Give the lines below again exactly, starting with the line that holds "STAIR AND FIREFIGHTING" and going on through the line that holds "x_axis=(-1.0, 0.0, 0.0)))".

START DATA RECORDS

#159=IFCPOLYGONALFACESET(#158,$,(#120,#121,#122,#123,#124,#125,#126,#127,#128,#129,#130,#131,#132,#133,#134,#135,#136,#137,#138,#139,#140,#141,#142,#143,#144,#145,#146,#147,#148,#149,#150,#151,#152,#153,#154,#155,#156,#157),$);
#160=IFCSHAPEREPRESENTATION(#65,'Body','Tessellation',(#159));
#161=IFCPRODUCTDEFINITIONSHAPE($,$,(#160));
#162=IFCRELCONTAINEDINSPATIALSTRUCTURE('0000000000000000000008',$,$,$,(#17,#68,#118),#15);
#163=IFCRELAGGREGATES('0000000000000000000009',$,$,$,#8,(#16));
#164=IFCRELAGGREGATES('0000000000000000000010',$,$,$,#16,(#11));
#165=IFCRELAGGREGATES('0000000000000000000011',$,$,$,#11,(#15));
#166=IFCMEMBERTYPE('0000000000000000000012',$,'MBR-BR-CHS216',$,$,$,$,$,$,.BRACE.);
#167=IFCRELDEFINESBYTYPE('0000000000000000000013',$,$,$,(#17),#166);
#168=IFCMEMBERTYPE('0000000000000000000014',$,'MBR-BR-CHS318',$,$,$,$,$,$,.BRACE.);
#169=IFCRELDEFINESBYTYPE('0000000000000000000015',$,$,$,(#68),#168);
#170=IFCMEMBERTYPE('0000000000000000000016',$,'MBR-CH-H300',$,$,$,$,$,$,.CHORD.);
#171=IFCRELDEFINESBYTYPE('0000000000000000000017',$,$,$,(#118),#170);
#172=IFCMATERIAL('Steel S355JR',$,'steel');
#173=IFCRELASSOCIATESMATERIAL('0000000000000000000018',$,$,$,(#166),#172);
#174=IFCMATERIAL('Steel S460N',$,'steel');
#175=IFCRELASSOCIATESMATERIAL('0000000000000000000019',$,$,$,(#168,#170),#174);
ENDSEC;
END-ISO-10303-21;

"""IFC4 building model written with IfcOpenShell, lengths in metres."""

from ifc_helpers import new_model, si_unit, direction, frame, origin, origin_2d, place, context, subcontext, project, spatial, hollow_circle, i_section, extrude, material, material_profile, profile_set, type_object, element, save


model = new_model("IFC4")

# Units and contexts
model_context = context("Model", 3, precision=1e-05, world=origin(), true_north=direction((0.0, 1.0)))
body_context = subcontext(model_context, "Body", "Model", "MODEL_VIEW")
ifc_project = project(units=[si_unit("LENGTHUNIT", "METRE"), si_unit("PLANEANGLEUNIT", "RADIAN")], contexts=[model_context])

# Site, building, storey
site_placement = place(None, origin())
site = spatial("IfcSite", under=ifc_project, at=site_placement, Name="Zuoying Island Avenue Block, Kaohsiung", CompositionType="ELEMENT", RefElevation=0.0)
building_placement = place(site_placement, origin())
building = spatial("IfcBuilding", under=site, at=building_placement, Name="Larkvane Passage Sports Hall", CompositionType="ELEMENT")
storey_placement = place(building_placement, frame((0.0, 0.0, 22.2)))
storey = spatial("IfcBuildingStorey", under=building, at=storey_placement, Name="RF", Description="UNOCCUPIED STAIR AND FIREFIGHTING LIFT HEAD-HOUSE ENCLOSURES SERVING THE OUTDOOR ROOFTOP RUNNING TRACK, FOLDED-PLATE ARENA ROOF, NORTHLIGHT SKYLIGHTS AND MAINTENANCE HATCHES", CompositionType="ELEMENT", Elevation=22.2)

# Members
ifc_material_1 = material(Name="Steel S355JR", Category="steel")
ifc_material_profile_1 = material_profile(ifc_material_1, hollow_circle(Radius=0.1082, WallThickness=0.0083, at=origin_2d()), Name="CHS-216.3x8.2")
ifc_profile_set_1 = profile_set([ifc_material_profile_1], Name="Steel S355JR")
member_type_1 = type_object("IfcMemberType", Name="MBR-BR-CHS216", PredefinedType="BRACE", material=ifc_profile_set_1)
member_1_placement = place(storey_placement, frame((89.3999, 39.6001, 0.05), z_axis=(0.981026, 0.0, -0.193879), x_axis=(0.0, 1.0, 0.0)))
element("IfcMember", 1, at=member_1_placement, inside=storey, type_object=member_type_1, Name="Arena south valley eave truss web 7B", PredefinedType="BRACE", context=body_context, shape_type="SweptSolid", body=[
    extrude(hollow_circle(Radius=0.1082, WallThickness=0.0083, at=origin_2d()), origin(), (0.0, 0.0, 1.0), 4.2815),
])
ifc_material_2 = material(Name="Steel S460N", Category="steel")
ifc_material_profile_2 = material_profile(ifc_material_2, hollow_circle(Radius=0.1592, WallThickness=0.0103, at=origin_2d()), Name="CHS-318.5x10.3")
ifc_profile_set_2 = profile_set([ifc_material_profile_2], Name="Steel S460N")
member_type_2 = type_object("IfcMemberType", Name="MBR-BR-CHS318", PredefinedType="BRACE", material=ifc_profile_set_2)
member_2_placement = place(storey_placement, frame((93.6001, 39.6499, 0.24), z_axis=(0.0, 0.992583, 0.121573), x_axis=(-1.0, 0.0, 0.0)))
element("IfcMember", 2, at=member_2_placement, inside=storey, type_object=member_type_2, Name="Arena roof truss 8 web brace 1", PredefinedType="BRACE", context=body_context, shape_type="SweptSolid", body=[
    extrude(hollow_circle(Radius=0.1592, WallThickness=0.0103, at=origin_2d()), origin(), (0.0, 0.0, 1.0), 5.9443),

END DATA RECORDS

WRITTEN ANSWER |
storey = spatial("IfcBuildingStorey", under=building, at=storey_placement, Name="RF", Description="UNOCCUPIED STAIR AND FIREFIGHTING LIFT HEAD-HOUSE ENCLOSURES SERVING THE OUTDOOR ROOFTOP RUNNING TRACK, FOLDED-PLATE ARENA ROOF, NORTHLIGHT SKYLIGHTS AND MAINTENANCE HATCHES", CompositionType="ELEMENT", Elevation=22.2)

# Members
ifc_material_1 = material(Name="Steel S355JR", Category="steel")
ifc_material_profile_1 = material_profile(ifc_material_1, hollow_circle(Radius=0.1082, WallThickness=0.0083, at=origin_2d()), Name="CHS-216.3x8.2")
ifc_profile_set_1 = profile_set([ifc_material_profile_1], Name="Steel S355JR")
member_type_1 = type_object("IfcMemberType", Name="MBR-BR-CHS216", PredefinedType="BRACE", material=ifc_profile_set_1)
member_1_placement = place(storey_placement, frame((89.3999, 39.6001, 0.05), z_axis=(0.981026, 0.0, -0.193879), x_axis=(0.0, 1.0, 0.0)))
element("IfcMember", 1, at=member_1_placement, inside=storey, type_object=member_type_1, Name="Arena south valley eave truss web 7B", PredefinedType="BRACE", context=body_context, shape_type="SweptSolid", body=[
    extrude(hollow_circle(Radius=0.1082, WallThickness=0.0083, at=origin_2d()), origin(), (0.0, 0.0, 1.0), 4.2815),
])
ifc_material_2 = material(Name="Steel S460N", Category="steel")
ifc_material_profile_2 = material_profile(ifc_material_2, hollow_circle(Radius=0.1592, WallThickness=0.0103, at=origin_2d()), Name="CHS-318.5x10.3")
ifc_profile_set_2 = profile_set([ifc_material_profile_2], Name="Steel S460N")
member_type_2 = type_object("IfcMemberType", Name="MBR-BR-CHS318", PredefinedType="BRACE", material=ifc_profile_set_2)
member_2_placement = place(storey_placement, frame((93.6001, 39.6499, 0.24), z_axis=(0.0, 0.992583, 0.121573), x_axis=(-1.0, 0.0, 0.0)))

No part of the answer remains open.